[Start of Attachment]
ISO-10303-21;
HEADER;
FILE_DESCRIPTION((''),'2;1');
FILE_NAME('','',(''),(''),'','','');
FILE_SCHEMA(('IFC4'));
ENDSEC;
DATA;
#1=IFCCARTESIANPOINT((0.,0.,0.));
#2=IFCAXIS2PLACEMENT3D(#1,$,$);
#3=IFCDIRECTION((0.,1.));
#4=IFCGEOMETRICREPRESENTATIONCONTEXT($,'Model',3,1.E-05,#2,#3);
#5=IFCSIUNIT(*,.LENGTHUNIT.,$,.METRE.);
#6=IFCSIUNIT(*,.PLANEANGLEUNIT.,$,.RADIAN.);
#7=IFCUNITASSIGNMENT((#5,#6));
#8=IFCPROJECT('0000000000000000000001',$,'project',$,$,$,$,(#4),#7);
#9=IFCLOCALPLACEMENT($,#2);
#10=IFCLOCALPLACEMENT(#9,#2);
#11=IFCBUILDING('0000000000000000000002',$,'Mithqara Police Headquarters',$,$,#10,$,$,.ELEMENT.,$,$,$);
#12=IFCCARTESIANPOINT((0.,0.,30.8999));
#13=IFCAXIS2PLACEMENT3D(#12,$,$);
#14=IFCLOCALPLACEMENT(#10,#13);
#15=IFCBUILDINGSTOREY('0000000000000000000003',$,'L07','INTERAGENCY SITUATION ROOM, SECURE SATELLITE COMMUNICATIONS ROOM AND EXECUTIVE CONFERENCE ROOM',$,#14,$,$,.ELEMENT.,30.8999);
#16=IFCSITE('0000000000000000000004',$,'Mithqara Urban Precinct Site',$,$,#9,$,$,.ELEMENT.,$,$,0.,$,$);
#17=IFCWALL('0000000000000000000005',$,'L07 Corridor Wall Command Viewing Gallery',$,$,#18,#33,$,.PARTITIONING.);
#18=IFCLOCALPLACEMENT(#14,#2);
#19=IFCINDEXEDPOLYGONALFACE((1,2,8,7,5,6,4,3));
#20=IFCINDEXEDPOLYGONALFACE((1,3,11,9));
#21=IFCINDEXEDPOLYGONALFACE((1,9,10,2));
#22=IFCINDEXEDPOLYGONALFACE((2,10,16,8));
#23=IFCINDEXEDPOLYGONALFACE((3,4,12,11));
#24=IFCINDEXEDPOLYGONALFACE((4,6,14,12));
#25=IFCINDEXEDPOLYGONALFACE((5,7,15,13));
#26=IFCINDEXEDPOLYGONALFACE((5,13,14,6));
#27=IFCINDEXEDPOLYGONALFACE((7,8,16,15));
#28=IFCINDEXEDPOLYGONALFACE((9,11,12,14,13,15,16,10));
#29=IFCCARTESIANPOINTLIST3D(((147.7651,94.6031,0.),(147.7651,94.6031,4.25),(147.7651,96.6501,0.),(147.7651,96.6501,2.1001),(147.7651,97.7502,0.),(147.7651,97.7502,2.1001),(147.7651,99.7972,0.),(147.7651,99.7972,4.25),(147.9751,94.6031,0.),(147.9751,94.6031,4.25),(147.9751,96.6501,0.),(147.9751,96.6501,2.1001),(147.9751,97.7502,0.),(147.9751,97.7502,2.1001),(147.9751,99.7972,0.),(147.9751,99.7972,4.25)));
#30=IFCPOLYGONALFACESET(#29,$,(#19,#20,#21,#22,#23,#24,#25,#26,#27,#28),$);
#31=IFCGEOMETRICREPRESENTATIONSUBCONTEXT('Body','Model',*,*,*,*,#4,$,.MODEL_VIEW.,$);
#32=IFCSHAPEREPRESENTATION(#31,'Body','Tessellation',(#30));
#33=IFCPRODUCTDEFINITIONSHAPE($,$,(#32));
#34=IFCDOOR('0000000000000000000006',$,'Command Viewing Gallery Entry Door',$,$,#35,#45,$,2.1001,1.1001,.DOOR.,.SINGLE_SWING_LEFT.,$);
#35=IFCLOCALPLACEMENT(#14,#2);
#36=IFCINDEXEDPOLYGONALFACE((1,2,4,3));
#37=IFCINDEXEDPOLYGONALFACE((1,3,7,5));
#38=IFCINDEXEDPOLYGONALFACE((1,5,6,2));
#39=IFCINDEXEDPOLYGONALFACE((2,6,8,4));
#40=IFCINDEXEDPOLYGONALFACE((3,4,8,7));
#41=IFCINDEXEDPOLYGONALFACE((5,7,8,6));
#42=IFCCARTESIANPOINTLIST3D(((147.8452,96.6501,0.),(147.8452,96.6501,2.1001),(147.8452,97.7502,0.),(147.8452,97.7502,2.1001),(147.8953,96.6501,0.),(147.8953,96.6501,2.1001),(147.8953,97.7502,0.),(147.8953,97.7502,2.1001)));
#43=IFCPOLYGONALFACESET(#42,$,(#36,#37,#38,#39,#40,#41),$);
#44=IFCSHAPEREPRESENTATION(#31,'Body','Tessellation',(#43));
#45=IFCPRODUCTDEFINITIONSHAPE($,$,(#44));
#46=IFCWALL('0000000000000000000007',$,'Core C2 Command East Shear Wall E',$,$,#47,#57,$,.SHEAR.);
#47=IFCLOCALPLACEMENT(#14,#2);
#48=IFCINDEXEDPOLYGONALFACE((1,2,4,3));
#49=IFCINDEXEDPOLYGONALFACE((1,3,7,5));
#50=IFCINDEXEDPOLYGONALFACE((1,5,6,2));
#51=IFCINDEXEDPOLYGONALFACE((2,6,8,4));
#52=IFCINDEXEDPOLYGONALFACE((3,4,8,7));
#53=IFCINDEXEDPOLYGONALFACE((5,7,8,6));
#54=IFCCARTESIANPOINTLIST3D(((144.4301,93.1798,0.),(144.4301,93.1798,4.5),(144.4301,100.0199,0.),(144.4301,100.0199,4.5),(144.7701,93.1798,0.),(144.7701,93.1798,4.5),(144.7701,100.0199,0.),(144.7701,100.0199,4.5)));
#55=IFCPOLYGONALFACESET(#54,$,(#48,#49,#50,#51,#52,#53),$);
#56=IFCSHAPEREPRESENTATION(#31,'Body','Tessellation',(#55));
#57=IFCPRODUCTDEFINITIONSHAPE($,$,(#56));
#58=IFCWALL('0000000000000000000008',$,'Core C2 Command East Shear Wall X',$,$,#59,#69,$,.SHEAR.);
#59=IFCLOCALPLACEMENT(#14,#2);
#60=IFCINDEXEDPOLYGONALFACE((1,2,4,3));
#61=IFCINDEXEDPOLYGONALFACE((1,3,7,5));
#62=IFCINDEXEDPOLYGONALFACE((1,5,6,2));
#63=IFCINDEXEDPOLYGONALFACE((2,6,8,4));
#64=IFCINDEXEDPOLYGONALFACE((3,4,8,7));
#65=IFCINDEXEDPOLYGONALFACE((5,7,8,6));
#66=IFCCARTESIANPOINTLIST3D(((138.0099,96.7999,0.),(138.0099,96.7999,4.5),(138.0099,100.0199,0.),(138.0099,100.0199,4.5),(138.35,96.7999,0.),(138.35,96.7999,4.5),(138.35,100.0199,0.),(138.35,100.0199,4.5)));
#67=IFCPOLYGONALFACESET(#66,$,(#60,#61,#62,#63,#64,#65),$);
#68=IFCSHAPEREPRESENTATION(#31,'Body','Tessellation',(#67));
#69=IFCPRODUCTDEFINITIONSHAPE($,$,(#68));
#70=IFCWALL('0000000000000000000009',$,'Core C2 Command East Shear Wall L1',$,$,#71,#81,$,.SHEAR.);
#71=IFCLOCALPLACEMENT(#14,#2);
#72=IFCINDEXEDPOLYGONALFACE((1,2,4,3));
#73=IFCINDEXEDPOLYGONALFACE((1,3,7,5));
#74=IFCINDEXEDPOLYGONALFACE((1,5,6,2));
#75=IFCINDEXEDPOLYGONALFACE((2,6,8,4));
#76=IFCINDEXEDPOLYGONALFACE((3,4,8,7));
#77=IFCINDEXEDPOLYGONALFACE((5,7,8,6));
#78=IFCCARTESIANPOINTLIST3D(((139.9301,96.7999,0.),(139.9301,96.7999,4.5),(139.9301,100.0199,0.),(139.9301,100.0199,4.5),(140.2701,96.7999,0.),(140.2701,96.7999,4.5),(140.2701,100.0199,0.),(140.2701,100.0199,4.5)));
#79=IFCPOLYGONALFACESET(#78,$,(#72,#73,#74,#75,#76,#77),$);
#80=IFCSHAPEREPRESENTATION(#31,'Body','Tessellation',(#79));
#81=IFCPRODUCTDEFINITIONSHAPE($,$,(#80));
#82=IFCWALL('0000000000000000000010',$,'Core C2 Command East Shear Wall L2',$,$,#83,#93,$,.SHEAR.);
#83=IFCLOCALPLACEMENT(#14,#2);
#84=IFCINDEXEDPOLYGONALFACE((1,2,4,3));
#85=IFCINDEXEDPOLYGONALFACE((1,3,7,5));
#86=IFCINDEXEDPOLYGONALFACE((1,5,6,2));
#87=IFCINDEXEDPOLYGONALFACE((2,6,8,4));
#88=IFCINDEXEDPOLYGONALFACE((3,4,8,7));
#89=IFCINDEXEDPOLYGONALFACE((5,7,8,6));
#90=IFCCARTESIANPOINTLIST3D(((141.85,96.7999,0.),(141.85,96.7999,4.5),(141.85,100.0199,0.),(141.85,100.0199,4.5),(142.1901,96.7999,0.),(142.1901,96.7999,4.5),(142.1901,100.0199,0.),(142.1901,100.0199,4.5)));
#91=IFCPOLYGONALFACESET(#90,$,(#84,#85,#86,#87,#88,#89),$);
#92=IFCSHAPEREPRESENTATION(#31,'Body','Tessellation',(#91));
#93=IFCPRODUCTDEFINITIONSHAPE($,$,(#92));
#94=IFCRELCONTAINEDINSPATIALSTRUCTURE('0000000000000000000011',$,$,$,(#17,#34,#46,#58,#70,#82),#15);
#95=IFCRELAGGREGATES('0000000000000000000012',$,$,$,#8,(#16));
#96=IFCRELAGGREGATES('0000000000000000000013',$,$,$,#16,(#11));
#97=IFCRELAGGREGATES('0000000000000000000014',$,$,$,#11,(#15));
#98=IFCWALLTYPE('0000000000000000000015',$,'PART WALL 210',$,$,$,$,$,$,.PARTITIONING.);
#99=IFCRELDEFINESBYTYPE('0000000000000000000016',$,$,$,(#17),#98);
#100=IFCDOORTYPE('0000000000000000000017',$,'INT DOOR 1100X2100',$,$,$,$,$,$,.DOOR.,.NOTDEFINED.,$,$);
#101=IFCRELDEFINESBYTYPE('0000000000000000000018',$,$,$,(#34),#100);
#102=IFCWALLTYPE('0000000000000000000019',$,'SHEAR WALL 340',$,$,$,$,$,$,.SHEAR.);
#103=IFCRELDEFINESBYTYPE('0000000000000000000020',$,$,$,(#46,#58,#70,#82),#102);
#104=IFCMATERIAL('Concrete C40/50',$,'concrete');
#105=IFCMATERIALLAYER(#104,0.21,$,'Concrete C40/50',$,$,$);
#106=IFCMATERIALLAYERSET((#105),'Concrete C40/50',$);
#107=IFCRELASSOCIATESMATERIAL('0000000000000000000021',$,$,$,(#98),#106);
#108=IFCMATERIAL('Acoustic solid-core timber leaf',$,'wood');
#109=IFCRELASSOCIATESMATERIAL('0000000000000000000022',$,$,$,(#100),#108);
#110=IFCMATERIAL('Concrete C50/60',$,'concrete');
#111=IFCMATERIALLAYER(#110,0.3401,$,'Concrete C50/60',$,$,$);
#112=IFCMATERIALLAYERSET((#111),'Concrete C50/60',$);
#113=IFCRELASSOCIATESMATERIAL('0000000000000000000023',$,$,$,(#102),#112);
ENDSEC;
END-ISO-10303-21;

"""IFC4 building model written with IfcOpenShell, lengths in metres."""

from ifc_helpers import new_model, si_unit, direction, frame, frame_2d, origin, place, context, subcontext, project, spatial, rectangle, extrude, material, layer, layer_set, type_object, element, fill, save


model = new_model("IFC4")

# Units and contexts
model_context = context("Model", 3, precision=1e-05, world=origin(), true_north=direction((0.0, 1.0)))
body_context = subcontext(model_context, "Body", "Model", "MODEL_VIEW")
ifc_project = project(units=[si_unit("LENGTHUNIT", "METRE"), si_unit("PLANEANGLEUNIT", "RADIAN")], contexts=[model_context])

# Site, building, storey
site_placement = place(None, origin())
site = spatial("IfcSite", under=ifc_project, at=site_placement, Name="Mithqara Urban Precinct Site", CompositionType="ELEMENT", RefElevation=0.0)
building_placement = place(site_placement, origin())
building = spatial("IfcBuilding", under=site, at=building_placement, Name="Mithqara Police Headquarters", CompositionType="ELEMENT")
storey_placement = place(building_placement, frame((0.0, 0.0, 30.8999)))
storey = spatial("IfcBuildingStorey", under=building, at=storey_placement, Name="L07", Description="INTERAGENCY SITUATION ROOM, SECURE SATELLITE COMMUNICATIONS ROOM AND EXECUTIVE CONFERENCE ROOM", CompositionType="ELEMENT", Elevation=30.8999)

# Shared definitions
ifc_material_1 = material(Name="Concrete C50/60", Category="concrete")

# Shared definitions
ifc_material_2 = material(Name="Concrete C40/50", Category="concrete")
ifc_layer_1 = layer(ifc_material_2, 0.21, Name="Concrete C40/50")
ifc_layer_set_1 = layer_set([ifc_layer_1], Name="Concrete C40/50")
wall_type_1 = type_object("IfcWallType", Name="PART WALL 210", PredefinedType="PARTITIONING", material=ifc_layer_set_1)

# Shared definitions
ifc_material_3 = material(Name="Acoustic solid-core timber leaf", Category="wood")

# Wall, opening, door
wall_1_placement = place(storey_placement, frame((147.8701, 94.603, 0.0), z_axis=(0.0, 0.0, 1.0), x_axis=(0.0, 1.0, 0.0)))
wall_1 = element("IfcWall", 1, at=wall_1_placement, inside=storey, type_object=wall_type_1, Name="L07 Corridor Wall Command Viewing Gallery", PredefinedType="PARTITIONING", context=body_context, shape_type="SweptSolid", body=[
    extrude(rectangle(XDim=5.1941, YDim=0.21, at=frame_2d((2.5972, 0.0))), origin(), (0.0, 0.0, 1.0), 4.25),
])
opening_1_placement = place(wall_1_placement, frame((2.0471, 0.0, 0.0)))
opening_1 = element("IfcOpeningElement", 2, at=opening_1_placement, cuts=wall_1, PredefinedType="OPENING", context=body_context, shape_type="SweptSolid", body=[
    extrude(rectangle(XDim=1.1001, YDim=2.1001, at=frame_2d((0.55, 1.05))), frame((0.0, 0.115, 0.0), z_axis=(0.0, -1.0, 0.0), x_axis=(1.0, 0.0, 0.0)), (0.0, 0.0, 1.0), 0.23),
])
door_type_1 = type_object("IfcDoorType", Name="INT DOOR 1100X2100", OperationType="NOTDEFINED", PredefinedType="DOOR", material=ifc_material_3)
door_1_placement = place(opening_1_placement, origin())
door_1 = element("IfcDoor", 3, at=door_1_placement, inside=storey, type_object=door_type_1, Name="Command Viewing Gallery Entry Door", OperationType="SINGLE_SWING_LEFT", OverallHeight=2.1001, OverallWidth=1.1001, PredefinedType="DOOR", context=body_context, shape_type="SweptSolid", body=[
    extrude(rectangle(XDim=1.1001, YDim=2.1001, at=frame_2d((0.55, 1.05))), frame((0.0, 0.0249, 0.0), z_axis=(0.0, -1.0, 0.0), x_axis=(1.0, 0.0, 0.0)), (0.0, 0.0, 1.0), 0.05),
])
fill(opening_1, door_1)

# Walls
ifc_layer_2 = layer(ifc_material_1, 0.3401, Name="Concrete C50/60")
ifc_layer_set_2 = layer_set([ifc_layer_2], Name="Concrete C50/60")
wall_type_2 = type_object("IfcWallType", Name="SHEAR WALL 340", PredefinedType="SHEAR", material=ifc_layer_set_2)
wall_2_placement = place(storey_placement, frame((144.6001, 93.1799, 0.0), z_axis=(0.0, 0.0, 1.0), x_axis=(0.0, 1.0, 0.0)))
element("IfcWall", 4, at=wall_2_placement, inside=storey, type_object=wall_type_2, Name="Core C2 Command East Shear Wall E", PredefinedType="SHEAR", context=body_context, shape_type="SweptSolid", body=[
    extrude(rectangle(XDim=6.8401, YDim=0.3401, at=frame_2d((3.4199, 0.0))), origin(), (0.0, 0.0, 1.0), 4.5),
])
for number, where, z_axis, x_axis, name in (
    (5, (138.1799, 96.8, 0.0), (0.0, 0.0, 1.0), (0.0, 1.0, 0.0), "Core C2 Command East Shear Wall X"),
    (6, (140.1001, 96.8, 0.0), (0.0, 0.0, 1.0), (0.0, 1.0, 0.0), "Core C2 Command East Shear Wall L1"),
    (7, (142.02, 96.8, 0.0), (0.0, 0.0, 1.0), (0.0, 1.0, 0.0), "Core C2 Command East Shear Wall L2"),
):
    element("IfcWall", number, at=place(storey_placement, frame(where, z_axis=z_axis, x_axis=x_axis)), inside=storey, type_object=wall_type_2, Name=name, PredefinedType="SHEAR", context=body_context, shape_type="SweptSolid", body=[
        extrude(rectangle(XDim=3.22, YDim=0.3401, at=frame_2d((1.6099, 0.0))), origin(), (0.0, 0.0, 1.0), 4.5),
    ])

save(model, "model.ifc")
[End of Attachment]
TASK BRIEF: Every line of the data above that includes "Tessellation" should be listed.

EXPECTED ANSWER:
#32=IFCSHAPEREPRESENTATION(#31,'Body','Tessellation',(#30));
#44=IFCSHAPEREPRESENTATION(#31,'Body','Tessellation',(#43));
#56=IFCSHAPEREPRESENTATION(#31,'Body','Tessellation',(#55));
#68=IFCSHAPEREPRESENTATION(#31,'Body','Tessellation',(#67));
#80=IFCSHAPEREPRESENTATION(#31,'Body','Tessellation',(#79));
#92=IFCSHAPEREPRESENTATION(#31,'Body','Tessellation',(#91));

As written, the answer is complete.